──────── RECORDS SUPPLIED ────────
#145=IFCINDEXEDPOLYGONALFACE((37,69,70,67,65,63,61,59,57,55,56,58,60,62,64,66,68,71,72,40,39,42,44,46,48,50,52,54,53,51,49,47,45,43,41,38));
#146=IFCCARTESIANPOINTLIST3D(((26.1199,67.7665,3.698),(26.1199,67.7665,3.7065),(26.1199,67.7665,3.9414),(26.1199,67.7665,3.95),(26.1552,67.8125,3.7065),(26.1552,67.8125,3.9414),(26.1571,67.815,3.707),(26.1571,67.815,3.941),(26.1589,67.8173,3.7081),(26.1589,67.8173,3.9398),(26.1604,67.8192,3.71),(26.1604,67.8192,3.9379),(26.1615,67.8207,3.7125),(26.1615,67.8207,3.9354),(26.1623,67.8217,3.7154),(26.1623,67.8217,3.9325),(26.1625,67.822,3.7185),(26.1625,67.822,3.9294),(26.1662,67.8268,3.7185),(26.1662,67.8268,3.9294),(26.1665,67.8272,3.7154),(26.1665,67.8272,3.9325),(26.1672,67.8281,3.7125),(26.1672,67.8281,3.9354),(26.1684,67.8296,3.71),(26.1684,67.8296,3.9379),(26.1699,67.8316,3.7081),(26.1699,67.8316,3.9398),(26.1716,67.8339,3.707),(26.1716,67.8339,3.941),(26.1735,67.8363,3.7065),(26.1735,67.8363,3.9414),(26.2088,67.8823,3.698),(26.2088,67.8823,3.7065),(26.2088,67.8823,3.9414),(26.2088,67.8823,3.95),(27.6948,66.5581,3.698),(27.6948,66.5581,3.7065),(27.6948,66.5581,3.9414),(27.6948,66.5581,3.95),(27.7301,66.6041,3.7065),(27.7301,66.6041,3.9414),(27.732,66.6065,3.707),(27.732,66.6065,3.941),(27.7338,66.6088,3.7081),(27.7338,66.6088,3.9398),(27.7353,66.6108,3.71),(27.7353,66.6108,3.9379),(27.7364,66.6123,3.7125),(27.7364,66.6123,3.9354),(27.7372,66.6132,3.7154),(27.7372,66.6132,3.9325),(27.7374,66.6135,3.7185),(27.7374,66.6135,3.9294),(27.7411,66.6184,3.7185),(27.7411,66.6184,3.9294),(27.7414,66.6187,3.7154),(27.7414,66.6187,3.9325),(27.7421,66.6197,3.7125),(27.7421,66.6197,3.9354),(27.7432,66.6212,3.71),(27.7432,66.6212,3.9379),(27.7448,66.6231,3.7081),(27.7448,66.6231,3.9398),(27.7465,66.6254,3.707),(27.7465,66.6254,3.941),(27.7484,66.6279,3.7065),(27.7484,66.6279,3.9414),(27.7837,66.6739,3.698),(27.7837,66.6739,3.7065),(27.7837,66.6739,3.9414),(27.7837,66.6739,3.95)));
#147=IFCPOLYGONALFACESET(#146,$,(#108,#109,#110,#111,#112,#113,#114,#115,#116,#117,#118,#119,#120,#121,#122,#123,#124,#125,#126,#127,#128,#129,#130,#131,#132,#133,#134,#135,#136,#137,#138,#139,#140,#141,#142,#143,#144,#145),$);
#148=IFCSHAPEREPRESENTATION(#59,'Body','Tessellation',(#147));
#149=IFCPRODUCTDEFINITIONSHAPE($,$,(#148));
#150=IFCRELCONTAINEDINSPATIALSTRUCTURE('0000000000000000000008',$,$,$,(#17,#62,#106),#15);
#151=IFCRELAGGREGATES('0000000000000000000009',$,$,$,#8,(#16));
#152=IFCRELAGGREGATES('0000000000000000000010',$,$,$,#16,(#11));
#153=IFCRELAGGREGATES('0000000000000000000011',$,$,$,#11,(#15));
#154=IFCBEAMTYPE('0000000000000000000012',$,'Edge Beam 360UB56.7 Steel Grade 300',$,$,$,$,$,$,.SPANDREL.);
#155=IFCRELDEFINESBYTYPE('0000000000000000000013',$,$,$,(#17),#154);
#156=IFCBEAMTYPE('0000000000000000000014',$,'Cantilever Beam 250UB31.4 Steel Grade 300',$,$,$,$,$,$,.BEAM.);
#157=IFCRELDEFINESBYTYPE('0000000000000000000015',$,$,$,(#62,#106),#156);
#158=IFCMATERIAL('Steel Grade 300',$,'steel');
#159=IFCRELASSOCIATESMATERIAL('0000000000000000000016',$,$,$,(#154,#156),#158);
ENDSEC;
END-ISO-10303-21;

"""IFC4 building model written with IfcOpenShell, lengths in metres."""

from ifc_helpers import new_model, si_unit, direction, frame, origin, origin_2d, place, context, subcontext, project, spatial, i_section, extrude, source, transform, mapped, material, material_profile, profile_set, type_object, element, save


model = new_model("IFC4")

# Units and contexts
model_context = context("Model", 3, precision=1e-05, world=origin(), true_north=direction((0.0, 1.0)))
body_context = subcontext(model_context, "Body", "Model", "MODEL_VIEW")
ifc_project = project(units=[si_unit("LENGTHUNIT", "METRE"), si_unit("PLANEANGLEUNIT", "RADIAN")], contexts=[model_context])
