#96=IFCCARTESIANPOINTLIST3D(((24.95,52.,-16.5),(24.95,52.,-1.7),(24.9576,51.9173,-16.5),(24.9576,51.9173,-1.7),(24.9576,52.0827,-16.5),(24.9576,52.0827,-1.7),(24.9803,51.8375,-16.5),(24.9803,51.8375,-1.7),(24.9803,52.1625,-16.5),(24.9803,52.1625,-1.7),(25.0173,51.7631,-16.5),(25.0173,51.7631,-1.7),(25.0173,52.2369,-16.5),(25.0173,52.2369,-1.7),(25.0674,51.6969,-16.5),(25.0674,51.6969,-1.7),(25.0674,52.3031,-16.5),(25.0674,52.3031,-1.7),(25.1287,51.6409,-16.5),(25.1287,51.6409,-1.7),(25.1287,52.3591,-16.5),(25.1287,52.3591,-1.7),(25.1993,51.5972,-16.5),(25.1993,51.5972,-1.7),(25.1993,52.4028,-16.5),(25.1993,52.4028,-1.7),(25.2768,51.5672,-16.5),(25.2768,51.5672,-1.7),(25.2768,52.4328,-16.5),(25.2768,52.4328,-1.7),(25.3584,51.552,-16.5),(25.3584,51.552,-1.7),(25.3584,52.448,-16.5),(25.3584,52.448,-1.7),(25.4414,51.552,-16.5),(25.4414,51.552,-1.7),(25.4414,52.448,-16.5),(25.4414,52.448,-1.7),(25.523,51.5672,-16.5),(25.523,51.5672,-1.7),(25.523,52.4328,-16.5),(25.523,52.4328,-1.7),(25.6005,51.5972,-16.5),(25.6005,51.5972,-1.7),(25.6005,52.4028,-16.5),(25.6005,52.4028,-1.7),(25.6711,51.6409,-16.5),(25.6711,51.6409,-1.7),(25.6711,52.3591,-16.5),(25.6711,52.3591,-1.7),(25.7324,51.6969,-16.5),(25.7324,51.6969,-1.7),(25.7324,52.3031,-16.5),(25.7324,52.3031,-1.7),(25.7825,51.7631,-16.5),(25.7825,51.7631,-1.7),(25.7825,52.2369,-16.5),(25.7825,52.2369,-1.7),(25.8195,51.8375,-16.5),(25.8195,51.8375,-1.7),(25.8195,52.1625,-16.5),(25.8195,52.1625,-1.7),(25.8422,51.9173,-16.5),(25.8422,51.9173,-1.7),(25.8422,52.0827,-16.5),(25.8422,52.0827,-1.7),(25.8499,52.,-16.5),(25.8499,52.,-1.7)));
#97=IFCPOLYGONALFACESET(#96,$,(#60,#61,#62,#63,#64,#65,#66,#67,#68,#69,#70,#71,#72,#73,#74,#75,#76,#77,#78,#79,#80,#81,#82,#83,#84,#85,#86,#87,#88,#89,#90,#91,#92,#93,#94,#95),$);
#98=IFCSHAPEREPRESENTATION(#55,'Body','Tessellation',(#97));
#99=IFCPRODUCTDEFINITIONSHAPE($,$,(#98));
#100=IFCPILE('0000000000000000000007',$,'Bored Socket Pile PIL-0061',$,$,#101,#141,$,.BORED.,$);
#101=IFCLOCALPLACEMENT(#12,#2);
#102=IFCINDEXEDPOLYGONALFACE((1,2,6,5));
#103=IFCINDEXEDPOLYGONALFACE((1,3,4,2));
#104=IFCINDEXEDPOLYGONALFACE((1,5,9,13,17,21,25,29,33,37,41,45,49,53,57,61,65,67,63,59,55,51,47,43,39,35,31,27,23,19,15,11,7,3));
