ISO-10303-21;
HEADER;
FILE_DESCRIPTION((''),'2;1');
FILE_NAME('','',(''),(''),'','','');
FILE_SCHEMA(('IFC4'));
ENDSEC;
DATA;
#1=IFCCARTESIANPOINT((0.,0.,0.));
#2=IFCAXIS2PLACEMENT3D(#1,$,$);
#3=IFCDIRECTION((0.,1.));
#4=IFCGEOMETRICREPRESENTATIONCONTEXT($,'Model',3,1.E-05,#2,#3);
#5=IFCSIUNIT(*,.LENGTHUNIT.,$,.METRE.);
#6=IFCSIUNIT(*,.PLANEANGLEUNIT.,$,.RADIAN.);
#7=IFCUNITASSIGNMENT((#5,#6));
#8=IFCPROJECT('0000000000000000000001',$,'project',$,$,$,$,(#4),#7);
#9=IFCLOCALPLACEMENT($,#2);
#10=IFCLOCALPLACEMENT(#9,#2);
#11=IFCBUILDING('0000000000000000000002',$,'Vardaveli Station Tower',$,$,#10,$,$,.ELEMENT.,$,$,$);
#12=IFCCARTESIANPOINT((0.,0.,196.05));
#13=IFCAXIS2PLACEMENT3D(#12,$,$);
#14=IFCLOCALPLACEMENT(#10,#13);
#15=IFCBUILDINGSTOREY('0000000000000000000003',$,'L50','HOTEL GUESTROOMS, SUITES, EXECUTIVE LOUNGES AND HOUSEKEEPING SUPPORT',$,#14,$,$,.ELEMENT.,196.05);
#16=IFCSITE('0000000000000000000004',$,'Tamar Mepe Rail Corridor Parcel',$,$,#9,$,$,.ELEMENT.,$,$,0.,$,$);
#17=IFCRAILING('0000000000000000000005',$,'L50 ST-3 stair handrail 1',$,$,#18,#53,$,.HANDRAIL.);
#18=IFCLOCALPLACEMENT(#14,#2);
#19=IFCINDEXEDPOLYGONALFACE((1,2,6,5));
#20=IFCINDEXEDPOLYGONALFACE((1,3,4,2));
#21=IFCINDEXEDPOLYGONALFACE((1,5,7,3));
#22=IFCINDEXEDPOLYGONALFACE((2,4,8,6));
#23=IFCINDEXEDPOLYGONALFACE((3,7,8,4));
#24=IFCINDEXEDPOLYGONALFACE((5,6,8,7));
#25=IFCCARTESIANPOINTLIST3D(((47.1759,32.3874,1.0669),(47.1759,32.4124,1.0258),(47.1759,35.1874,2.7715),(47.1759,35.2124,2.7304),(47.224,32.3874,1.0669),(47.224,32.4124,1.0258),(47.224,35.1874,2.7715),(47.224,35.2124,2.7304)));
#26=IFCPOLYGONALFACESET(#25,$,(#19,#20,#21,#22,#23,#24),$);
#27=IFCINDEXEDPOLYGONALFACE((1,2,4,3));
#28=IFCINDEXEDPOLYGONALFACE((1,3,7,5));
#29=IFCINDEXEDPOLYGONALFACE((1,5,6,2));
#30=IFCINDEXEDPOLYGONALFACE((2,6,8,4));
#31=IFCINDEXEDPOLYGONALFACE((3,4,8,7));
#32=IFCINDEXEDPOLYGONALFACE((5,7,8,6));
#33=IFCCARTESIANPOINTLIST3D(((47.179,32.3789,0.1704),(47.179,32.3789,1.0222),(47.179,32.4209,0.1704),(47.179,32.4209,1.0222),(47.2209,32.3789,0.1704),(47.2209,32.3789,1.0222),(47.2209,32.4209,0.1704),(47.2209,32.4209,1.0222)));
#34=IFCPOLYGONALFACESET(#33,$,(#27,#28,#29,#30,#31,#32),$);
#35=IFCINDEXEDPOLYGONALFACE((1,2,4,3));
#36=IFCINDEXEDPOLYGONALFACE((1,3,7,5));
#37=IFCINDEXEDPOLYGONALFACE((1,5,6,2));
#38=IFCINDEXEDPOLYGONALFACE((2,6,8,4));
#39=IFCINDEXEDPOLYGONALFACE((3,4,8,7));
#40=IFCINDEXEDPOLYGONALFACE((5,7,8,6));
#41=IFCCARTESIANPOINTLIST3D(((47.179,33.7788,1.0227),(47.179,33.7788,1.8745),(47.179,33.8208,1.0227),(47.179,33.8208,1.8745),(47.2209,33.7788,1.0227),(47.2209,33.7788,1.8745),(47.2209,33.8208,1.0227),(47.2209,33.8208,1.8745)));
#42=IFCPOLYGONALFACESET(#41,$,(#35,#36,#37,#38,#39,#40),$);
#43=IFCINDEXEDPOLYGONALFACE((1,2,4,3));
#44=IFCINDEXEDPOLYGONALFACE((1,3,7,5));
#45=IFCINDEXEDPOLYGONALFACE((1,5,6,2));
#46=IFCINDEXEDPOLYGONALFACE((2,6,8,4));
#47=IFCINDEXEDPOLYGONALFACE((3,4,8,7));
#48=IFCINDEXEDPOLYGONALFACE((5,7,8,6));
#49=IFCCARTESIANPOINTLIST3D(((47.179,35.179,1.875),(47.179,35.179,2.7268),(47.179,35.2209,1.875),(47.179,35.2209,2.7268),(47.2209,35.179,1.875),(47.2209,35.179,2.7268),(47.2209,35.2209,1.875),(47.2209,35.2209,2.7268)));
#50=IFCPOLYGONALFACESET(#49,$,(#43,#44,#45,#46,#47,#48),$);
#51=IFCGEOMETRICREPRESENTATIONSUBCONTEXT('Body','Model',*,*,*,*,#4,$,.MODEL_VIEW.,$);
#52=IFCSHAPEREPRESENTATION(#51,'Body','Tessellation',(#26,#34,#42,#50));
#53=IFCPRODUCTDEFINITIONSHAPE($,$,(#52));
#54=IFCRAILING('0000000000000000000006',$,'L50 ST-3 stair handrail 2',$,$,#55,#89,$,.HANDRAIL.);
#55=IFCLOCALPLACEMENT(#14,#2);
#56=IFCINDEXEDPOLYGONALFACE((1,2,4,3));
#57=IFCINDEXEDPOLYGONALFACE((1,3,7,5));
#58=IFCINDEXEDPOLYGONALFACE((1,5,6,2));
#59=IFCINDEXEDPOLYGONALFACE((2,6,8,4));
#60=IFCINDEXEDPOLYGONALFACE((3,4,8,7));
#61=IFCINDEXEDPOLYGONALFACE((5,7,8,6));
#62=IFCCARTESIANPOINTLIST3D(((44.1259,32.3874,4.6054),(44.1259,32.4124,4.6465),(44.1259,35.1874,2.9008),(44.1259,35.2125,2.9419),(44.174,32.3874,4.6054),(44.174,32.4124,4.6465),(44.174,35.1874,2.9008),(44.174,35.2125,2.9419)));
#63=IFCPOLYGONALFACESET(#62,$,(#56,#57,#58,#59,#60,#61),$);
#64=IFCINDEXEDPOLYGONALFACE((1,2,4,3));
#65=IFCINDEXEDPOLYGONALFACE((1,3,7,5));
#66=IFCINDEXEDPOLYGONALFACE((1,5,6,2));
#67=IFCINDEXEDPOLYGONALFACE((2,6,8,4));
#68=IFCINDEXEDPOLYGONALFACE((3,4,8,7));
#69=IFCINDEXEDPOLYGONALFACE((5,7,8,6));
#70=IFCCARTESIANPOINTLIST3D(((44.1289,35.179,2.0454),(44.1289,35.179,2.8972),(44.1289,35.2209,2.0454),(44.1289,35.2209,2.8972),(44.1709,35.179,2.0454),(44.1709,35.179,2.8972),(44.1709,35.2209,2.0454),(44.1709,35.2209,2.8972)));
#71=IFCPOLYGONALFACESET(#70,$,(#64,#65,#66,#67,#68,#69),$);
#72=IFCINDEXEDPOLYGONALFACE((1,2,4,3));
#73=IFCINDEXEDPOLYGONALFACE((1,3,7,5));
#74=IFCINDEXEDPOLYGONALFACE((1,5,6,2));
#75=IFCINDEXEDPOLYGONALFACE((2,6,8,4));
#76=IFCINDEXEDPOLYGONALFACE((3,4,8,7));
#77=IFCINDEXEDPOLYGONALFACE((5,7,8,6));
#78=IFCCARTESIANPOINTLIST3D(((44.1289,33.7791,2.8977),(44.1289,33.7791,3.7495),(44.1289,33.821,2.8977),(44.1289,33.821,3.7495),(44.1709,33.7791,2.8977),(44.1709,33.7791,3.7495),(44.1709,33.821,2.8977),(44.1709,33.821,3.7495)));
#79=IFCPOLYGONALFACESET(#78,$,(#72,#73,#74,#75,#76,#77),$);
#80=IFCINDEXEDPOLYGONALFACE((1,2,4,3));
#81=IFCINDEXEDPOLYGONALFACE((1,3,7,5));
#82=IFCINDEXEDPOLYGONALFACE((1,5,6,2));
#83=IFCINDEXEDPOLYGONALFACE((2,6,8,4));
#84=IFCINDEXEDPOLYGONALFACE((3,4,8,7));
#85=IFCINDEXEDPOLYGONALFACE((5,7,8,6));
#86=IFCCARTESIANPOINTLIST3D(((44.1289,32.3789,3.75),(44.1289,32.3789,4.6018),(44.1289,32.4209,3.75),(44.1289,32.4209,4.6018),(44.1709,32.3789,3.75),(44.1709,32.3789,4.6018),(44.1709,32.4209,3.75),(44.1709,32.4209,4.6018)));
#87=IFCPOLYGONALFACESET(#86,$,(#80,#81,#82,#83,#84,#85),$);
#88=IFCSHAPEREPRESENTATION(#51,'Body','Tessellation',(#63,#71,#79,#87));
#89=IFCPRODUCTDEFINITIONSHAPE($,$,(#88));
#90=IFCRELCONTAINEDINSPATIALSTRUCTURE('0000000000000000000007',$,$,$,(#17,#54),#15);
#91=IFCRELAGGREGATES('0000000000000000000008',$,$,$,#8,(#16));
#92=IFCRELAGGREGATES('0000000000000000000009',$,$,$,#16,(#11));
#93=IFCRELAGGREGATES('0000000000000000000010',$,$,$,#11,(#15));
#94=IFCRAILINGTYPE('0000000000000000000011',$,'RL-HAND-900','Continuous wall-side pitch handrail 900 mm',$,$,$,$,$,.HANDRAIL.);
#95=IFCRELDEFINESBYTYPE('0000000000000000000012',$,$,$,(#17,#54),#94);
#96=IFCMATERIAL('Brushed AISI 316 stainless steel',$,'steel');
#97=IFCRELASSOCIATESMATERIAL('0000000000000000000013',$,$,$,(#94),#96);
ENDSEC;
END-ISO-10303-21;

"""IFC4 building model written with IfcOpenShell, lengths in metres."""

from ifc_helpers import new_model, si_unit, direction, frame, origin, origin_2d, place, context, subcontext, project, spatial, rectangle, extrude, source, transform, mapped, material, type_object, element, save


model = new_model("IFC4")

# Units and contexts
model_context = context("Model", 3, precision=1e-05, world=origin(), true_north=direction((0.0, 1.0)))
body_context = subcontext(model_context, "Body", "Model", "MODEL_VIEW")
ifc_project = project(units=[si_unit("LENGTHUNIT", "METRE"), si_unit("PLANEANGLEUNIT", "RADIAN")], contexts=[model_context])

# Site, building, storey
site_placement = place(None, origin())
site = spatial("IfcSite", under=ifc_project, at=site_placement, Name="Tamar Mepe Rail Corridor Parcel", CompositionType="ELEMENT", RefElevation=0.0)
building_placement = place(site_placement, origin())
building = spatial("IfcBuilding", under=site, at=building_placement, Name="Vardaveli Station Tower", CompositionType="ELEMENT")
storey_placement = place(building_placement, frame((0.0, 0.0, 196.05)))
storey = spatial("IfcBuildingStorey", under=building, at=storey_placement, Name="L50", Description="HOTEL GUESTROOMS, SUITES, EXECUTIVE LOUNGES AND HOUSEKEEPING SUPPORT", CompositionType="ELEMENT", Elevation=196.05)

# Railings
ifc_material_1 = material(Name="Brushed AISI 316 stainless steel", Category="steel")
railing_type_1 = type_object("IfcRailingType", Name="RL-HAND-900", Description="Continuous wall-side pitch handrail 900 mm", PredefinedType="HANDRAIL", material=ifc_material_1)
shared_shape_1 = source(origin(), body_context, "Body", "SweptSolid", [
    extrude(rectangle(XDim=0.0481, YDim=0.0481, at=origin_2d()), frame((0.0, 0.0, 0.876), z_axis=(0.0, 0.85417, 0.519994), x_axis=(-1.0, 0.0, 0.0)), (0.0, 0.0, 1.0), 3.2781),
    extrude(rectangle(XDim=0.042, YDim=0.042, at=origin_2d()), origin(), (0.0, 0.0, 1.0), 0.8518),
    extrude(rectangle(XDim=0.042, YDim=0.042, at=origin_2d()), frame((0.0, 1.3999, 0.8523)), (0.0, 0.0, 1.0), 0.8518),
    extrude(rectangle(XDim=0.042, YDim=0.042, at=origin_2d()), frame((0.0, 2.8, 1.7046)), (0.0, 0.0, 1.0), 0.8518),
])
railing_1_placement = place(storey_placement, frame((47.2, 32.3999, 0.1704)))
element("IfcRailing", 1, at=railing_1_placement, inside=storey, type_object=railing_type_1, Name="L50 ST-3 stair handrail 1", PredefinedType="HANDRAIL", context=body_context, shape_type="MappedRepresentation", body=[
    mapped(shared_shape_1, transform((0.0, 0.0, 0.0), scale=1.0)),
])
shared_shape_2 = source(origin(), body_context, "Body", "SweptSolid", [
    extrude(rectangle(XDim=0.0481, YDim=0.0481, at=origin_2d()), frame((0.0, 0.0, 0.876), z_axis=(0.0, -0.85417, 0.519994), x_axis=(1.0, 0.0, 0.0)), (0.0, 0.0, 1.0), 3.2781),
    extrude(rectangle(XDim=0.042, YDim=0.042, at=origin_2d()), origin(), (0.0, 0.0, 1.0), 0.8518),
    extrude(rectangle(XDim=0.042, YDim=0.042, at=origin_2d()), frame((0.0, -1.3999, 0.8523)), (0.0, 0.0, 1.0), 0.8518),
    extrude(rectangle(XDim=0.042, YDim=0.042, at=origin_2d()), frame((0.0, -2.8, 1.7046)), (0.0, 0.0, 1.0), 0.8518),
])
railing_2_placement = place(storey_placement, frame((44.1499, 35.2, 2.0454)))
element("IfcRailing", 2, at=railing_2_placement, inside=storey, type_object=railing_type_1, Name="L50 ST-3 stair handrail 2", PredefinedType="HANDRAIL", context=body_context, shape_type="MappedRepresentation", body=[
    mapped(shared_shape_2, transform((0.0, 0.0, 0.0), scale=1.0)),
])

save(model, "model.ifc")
────────
=== WHAT YOU ARE ASKED TO DO ===
Each line above that contains the word "IFCPRODUCTDEFINITIONSHAPE" should be returned.

=== YOUR SOLUTION ===
#149=IFCPRODUCTDEFINITIONSHAPE($,$,(#148));
#99=IFCPRODUCTDEFINITIONSHAPE($,$,(#98));
#53=IFCPRODUCTDEFINITIONSHAPE($,$,(#52));
#89=IFCPRODUCTDEFINITIONSHAPE($,$,(#88));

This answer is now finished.